**What to produce**
The line containing "#54=IFCINDEXEDPOLYGONALFACE((67,71,72,68));" marks the end: output every line of the data up to it, and that line too, exactly as written.

**Dataset records**
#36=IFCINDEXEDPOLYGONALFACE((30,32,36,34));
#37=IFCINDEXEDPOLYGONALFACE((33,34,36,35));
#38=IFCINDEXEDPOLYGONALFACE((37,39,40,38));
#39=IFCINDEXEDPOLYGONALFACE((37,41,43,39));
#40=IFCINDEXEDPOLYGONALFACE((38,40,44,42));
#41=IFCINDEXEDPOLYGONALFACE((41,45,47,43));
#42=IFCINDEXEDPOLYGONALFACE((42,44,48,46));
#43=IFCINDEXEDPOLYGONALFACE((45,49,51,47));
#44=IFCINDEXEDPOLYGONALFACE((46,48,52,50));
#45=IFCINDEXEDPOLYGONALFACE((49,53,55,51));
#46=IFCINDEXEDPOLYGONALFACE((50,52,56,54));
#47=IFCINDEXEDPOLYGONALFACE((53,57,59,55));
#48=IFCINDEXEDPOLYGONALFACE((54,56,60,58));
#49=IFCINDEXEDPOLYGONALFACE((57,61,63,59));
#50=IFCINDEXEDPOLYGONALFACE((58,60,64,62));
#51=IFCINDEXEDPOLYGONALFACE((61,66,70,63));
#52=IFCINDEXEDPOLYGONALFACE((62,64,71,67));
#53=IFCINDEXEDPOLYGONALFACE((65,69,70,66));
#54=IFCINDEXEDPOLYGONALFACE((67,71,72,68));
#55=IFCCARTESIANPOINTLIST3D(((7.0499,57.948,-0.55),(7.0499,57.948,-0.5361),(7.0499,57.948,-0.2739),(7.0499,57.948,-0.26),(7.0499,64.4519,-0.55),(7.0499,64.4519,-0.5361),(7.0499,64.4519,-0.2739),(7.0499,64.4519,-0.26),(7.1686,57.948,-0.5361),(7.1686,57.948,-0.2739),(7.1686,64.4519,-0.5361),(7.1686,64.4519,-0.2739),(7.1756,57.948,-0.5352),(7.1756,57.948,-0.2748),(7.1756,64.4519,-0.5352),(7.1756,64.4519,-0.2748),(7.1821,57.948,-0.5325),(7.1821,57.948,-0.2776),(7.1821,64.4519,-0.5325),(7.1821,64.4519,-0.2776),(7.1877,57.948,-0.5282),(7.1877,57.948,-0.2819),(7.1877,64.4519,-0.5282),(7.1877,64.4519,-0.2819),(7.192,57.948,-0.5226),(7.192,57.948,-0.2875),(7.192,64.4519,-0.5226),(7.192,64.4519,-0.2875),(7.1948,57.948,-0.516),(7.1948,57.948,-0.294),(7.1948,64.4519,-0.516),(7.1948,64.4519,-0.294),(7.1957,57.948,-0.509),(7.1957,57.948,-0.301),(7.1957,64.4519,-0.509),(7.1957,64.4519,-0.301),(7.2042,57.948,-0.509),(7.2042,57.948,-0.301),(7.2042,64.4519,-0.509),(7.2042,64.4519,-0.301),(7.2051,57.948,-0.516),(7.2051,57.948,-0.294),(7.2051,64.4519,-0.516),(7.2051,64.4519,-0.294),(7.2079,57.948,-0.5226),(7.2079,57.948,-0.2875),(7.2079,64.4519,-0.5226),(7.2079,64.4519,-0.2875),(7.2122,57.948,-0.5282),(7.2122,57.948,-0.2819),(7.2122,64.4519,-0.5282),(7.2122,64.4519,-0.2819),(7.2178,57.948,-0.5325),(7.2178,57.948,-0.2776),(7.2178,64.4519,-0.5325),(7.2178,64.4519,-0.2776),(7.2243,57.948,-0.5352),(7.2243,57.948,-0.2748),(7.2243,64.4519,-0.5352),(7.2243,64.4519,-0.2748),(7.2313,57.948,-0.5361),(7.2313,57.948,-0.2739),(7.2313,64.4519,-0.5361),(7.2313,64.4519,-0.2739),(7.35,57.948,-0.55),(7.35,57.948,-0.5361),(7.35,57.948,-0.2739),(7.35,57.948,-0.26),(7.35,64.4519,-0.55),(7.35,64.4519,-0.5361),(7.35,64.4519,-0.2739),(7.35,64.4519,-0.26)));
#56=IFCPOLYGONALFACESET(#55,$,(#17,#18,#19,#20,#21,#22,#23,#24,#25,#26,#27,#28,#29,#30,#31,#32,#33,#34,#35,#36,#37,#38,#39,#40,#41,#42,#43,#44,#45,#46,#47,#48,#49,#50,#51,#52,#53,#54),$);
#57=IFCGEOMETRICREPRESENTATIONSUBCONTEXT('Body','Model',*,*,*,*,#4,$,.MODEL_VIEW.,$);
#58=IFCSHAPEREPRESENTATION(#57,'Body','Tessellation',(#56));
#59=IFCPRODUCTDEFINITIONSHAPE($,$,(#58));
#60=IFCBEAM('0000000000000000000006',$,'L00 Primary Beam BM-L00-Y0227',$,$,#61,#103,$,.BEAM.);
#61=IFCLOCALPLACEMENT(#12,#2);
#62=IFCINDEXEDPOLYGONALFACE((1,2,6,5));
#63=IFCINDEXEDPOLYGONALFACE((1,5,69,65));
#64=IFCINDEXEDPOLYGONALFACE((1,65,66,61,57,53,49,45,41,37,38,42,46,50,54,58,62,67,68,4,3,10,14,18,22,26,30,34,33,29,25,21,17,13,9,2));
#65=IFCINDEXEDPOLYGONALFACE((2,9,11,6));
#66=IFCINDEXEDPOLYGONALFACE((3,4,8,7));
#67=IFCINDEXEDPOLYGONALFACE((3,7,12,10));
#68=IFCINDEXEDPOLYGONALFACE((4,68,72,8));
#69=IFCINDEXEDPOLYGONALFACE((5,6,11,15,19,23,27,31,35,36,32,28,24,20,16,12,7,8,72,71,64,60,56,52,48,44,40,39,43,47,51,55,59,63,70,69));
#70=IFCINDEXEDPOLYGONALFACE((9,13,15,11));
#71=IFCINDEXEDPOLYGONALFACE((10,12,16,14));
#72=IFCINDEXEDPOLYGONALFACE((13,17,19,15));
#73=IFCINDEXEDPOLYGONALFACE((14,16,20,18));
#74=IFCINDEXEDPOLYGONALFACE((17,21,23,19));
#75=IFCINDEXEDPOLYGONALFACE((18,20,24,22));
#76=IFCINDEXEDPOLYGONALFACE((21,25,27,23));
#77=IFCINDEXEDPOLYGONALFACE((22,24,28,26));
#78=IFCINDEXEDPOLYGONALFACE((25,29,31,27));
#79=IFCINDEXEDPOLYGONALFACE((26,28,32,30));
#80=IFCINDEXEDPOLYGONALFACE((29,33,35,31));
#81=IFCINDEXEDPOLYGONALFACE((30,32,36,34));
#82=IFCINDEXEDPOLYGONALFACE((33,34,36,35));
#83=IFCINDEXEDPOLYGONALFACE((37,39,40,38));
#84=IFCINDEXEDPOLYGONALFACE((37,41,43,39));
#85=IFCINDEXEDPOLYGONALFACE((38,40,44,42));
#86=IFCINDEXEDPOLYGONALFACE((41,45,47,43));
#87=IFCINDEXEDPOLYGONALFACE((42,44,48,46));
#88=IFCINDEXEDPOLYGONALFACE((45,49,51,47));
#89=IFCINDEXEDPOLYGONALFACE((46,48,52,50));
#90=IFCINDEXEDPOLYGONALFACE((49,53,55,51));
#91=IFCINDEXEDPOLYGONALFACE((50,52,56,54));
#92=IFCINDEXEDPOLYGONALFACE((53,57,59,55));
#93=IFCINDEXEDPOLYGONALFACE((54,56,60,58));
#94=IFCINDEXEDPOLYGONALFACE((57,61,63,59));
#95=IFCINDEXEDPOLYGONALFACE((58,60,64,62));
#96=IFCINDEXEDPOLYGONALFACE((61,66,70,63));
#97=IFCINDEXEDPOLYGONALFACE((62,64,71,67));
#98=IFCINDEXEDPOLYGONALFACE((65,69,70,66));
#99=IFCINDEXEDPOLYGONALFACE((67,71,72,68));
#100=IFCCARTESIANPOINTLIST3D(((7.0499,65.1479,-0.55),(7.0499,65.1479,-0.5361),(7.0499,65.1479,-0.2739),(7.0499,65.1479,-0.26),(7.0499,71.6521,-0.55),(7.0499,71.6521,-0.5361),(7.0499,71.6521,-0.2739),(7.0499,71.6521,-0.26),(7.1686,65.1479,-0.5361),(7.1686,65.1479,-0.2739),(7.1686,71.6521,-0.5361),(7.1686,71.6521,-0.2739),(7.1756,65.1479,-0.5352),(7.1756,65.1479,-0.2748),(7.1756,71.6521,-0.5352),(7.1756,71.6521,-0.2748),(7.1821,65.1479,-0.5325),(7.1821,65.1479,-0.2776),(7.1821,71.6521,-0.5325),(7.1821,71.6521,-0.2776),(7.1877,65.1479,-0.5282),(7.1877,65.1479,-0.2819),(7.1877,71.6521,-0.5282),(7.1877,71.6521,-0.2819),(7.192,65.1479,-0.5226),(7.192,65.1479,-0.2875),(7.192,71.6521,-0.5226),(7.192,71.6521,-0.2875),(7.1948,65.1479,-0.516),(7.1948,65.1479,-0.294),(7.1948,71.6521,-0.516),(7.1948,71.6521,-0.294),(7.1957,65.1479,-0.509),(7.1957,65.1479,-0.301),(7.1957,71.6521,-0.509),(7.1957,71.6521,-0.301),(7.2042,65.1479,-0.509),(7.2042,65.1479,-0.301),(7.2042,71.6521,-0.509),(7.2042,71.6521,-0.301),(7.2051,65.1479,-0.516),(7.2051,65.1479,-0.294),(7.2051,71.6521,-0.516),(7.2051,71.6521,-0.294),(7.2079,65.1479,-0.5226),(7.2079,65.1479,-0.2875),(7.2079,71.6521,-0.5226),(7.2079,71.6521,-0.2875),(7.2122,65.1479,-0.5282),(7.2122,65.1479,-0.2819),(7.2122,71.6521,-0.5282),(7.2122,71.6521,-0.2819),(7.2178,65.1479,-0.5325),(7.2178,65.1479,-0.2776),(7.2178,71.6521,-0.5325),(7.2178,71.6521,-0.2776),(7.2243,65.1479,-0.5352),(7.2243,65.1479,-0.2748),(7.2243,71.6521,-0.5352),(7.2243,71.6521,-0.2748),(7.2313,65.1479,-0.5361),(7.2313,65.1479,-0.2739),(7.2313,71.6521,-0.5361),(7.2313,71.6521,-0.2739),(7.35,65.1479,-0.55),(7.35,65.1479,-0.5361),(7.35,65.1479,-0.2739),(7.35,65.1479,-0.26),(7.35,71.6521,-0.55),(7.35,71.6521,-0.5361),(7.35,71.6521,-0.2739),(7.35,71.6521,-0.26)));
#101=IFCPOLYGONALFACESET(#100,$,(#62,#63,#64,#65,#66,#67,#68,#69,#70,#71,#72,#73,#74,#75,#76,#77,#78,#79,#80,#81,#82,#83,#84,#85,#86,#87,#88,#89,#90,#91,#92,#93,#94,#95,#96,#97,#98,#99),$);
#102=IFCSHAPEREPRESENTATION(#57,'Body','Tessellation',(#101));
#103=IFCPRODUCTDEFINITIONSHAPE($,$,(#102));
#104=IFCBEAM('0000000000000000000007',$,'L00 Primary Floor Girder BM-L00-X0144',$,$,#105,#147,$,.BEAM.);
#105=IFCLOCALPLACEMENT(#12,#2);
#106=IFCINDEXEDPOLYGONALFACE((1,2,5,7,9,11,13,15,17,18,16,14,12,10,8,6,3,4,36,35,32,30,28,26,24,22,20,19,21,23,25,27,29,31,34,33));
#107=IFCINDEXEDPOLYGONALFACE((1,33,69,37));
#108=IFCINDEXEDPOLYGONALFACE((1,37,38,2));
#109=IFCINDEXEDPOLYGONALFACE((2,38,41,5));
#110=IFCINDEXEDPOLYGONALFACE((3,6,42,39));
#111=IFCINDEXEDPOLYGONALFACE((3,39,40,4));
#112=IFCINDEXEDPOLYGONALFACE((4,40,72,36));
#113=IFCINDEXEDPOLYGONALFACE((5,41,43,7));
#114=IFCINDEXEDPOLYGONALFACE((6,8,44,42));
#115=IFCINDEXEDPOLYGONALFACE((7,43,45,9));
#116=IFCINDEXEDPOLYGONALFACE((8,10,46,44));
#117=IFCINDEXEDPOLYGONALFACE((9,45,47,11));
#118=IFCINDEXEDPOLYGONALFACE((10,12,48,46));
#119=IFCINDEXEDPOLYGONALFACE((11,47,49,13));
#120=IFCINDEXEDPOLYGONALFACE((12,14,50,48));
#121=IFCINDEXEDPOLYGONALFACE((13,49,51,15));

**Answer**
#36=IFCINDEXEDPOLYGONALFACE((30,32,36,34));
#37=IFCINDEXEDPOLYGONALFACE((33,34,36,35));
#38=IFCINDEXEDPOLYGONALFACE((37,39,40,38));
#39=IFCINDEXEDPOLYGONALFACE((37,41,43,39));
#40=IFCINDEXEDPOLYGONALFACE((38,40,44,42));
#41=IFCINDEXEDPOLYGONALFACE((41,45,47,43));
#42=IFCINDEXEDPOLYGONALFACE((42,44,48,46));
#43=IFCINDEXEDPOLYGONALFACE((45,49,51,47));
#44=IFCINDEXEDPOLYGONALFACE((46,48,52,50));
#45=IFCINDEXEDPOLYGONALFACE((49,53,55,51));
#46=IFCINDEXEDPOLYGONALFACE((50,52,56,54));
#47=IFCINDEXEDPOLYGONALFACE((53,57,59,55));
#48=IFCINDEXEDPOLYGONALFACE((54,56,60,58));
#49=IFCINDEXEDPOLYGONALFACE((57,61,63,59));
#50=IFCINDEXEDPOLYGONALFACE((58,60,64,62));
#51=IFCINDEXEDPOLYGONALFACE((61,66,70,63));
#52=IFCINDEXEDPOLYGONALFACE((62,64,71,67));
#53=IFCINDEXEDPOLYGONALFACE((65,69,70,66));
#54=IFCINDEXEDPOLYGONALFACE((67,71,72,68));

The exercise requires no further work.